[Dataset entries]
--------
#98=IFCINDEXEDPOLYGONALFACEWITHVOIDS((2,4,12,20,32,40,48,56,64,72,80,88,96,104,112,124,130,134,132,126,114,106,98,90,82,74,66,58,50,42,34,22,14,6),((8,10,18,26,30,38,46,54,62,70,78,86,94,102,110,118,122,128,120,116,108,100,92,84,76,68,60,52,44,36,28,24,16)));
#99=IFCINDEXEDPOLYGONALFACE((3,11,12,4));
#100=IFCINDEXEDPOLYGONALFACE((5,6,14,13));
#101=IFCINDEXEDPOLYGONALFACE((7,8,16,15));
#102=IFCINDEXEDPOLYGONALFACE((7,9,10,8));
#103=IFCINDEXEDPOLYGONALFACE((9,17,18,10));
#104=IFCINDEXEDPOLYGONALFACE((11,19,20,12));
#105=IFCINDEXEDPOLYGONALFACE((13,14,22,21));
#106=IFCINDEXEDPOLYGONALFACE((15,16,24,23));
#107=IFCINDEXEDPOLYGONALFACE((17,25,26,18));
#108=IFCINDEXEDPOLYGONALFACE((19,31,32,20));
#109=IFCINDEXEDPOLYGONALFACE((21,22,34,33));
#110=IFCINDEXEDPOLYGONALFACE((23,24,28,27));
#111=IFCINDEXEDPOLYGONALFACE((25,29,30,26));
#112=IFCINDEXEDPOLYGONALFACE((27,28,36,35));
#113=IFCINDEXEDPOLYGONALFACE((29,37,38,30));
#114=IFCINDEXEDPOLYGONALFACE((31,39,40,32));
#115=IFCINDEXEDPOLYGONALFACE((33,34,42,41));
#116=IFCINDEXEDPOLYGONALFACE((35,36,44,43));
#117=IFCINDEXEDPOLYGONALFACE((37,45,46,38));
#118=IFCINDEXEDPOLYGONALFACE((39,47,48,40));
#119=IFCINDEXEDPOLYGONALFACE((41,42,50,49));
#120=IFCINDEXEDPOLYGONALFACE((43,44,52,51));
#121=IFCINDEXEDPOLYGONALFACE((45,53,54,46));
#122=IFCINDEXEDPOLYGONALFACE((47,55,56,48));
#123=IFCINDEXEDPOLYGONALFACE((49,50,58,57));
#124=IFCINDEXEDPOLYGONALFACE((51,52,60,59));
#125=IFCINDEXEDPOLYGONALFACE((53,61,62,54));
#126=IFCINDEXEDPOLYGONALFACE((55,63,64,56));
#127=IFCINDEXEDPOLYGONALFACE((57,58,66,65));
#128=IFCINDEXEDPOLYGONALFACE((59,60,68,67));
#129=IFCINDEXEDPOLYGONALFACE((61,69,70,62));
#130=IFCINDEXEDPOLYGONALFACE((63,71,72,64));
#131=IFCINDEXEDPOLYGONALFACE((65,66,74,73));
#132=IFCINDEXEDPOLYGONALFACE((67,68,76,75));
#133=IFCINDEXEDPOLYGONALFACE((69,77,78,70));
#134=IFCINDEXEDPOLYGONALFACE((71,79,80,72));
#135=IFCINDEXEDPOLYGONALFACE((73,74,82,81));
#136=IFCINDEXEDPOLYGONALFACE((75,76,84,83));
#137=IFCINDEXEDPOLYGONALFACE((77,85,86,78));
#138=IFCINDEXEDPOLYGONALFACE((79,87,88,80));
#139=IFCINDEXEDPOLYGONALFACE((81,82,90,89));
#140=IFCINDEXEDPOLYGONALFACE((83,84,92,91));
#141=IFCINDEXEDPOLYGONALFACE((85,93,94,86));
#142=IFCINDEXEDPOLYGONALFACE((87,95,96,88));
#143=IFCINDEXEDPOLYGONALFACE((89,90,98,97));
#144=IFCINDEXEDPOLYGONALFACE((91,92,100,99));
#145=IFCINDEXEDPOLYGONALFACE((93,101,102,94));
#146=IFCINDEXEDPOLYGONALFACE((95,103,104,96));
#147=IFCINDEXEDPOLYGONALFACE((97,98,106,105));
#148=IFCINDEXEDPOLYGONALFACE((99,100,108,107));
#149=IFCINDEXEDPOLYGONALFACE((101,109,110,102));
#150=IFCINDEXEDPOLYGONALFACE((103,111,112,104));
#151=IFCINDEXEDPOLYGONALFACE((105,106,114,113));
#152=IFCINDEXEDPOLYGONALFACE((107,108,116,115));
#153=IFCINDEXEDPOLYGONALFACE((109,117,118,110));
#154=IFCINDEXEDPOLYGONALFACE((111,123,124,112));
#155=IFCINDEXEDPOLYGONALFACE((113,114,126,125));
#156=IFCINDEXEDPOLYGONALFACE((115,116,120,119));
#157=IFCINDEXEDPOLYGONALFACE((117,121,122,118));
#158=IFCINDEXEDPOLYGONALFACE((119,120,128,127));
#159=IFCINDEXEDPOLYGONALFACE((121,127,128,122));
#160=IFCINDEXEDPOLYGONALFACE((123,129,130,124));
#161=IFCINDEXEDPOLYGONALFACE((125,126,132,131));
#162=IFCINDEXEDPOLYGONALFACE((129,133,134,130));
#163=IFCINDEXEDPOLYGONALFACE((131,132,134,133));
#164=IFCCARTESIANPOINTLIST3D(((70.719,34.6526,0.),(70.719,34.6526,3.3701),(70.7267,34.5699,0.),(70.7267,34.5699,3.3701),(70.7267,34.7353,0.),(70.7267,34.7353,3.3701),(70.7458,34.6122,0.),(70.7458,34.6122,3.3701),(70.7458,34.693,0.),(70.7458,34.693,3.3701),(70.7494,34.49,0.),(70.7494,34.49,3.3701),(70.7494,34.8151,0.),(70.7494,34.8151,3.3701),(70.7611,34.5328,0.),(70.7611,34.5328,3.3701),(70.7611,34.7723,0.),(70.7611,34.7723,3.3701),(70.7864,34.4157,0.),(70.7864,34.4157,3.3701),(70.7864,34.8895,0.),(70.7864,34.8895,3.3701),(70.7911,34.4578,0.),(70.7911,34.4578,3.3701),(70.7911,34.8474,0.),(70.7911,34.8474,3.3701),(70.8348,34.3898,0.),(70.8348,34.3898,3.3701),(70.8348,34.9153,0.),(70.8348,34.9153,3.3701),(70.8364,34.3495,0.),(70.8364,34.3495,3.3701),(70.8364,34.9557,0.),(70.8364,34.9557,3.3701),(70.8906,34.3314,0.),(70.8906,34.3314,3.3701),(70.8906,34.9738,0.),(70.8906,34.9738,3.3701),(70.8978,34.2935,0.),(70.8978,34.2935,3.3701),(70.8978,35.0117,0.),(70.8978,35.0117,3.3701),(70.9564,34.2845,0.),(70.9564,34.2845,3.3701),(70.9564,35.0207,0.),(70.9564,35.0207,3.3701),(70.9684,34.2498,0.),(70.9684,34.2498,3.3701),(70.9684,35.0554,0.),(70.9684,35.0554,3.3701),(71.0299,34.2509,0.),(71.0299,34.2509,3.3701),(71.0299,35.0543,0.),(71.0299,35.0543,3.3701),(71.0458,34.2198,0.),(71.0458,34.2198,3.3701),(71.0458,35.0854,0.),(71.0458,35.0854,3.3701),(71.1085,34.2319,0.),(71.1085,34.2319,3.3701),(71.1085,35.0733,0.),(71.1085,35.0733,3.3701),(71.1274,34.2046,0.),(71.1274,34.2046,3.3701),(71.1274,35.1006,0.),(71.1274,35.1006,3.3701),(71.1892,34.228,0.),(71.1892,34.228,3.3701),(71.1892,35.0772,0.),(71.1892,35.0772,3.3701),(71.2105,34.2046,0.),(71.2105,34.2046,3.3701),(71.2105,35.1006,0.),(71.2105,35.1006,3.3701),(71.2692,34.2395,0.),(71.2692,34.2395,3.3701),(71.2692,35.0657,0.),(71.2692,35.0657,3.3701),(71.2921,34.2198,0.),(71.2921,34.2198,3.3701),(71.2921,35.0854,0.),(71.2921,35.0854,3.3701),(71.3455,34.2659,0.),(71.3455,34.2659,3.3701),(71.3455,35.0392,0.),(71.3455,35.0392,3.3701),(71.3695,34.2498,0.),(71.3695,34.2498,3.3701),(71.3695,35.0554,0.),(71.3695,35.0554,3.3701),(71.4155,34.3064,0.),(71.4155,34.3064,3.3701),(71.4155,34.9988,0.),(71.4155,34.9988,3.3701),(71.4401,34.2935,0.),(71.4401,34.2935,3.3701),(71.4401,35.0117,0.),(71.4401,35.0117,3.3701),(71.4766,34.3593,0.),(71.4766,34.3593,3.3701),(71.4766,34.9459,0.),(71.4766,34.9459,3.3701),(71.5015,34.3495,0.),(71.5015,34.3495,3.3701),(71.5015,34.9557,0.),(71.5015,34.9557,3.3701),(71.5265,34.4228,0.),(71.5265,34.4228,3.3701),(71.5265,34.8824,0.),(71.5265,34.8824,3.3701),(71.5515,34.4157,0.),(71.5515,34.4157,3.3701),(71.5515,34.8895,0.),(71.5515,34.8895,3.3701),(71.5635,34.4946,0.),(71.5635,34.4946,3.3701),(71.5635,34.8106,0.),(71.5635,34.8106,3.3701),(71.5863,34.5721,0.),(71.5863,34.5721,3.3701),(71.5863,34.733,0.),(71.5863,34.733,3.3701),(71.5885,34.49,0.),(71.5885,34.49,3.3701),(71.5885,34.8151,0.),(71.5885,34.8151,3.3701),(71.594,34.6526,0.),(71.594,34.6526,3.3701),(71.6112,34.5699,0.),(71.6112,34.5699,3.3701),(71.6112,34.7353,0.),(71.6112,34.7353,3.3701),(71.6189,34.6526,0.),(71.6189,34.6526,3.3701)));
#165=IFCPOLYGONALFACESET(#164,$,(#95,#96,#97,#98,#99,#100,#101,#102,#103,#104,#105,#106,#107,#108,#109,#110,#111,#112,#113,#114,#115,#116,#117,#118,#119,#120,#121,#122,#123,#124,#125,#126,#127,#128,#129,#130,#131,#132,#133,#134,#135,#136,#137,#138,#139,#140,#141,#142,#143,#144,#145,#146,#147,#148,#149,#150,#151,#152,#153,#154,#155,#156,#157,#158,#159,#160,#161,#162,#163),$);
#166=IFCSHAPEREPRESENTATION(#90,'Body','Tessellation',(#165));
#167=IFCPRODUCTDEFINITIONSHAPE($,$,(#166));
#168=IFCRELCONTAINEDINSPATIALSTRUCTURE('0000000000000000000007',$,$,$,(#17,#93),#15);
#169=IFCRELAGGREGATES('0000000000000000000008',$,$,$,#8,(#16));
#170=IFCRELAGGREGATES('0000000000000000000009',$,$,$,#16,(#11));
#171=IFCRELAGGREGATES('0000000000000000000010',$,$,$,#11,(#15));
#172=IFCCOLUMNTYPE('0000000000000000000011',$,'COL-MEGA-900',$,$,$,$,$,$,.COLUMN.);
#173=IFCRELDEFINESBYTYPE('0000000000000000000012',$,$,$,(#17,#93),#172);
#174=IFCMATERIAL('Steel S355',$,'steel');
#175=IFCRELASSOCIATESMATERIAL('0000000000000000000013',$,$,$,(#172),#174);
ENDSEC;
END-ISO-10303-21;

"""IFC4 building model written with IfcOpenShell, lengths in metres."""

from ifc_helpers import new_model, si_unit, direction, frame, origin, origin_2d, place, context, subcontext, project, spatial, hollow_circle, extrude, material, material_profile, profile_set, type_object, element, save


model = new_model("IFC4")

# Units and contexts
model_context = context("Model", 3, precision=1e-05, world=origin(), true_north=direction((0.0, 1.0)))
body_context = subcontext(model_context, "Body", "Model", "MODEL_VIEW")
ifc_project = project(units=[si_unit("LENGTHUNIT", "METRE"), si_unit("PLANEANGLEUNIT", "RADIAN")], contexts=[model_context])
--------
◆ **WORK INSTRUCTION**
Identify the lines of the data that contain the word "project". Copy each of them.

◆ **EXPECTED OUTPUT**
from ifc_helpers import new_model, si_unit, direction, frame, origin, origin_2d, place, context, subcontext, project, spatial, hollow_circle, extrude, material, material_profile, profile_set, type_object, element, save
ifc_project = project(units=[si_unit("LENGTHUNIT", "METRE"), si_unit("PLANEANGLEUNIT", "RADIAN")], contexts=[model_context])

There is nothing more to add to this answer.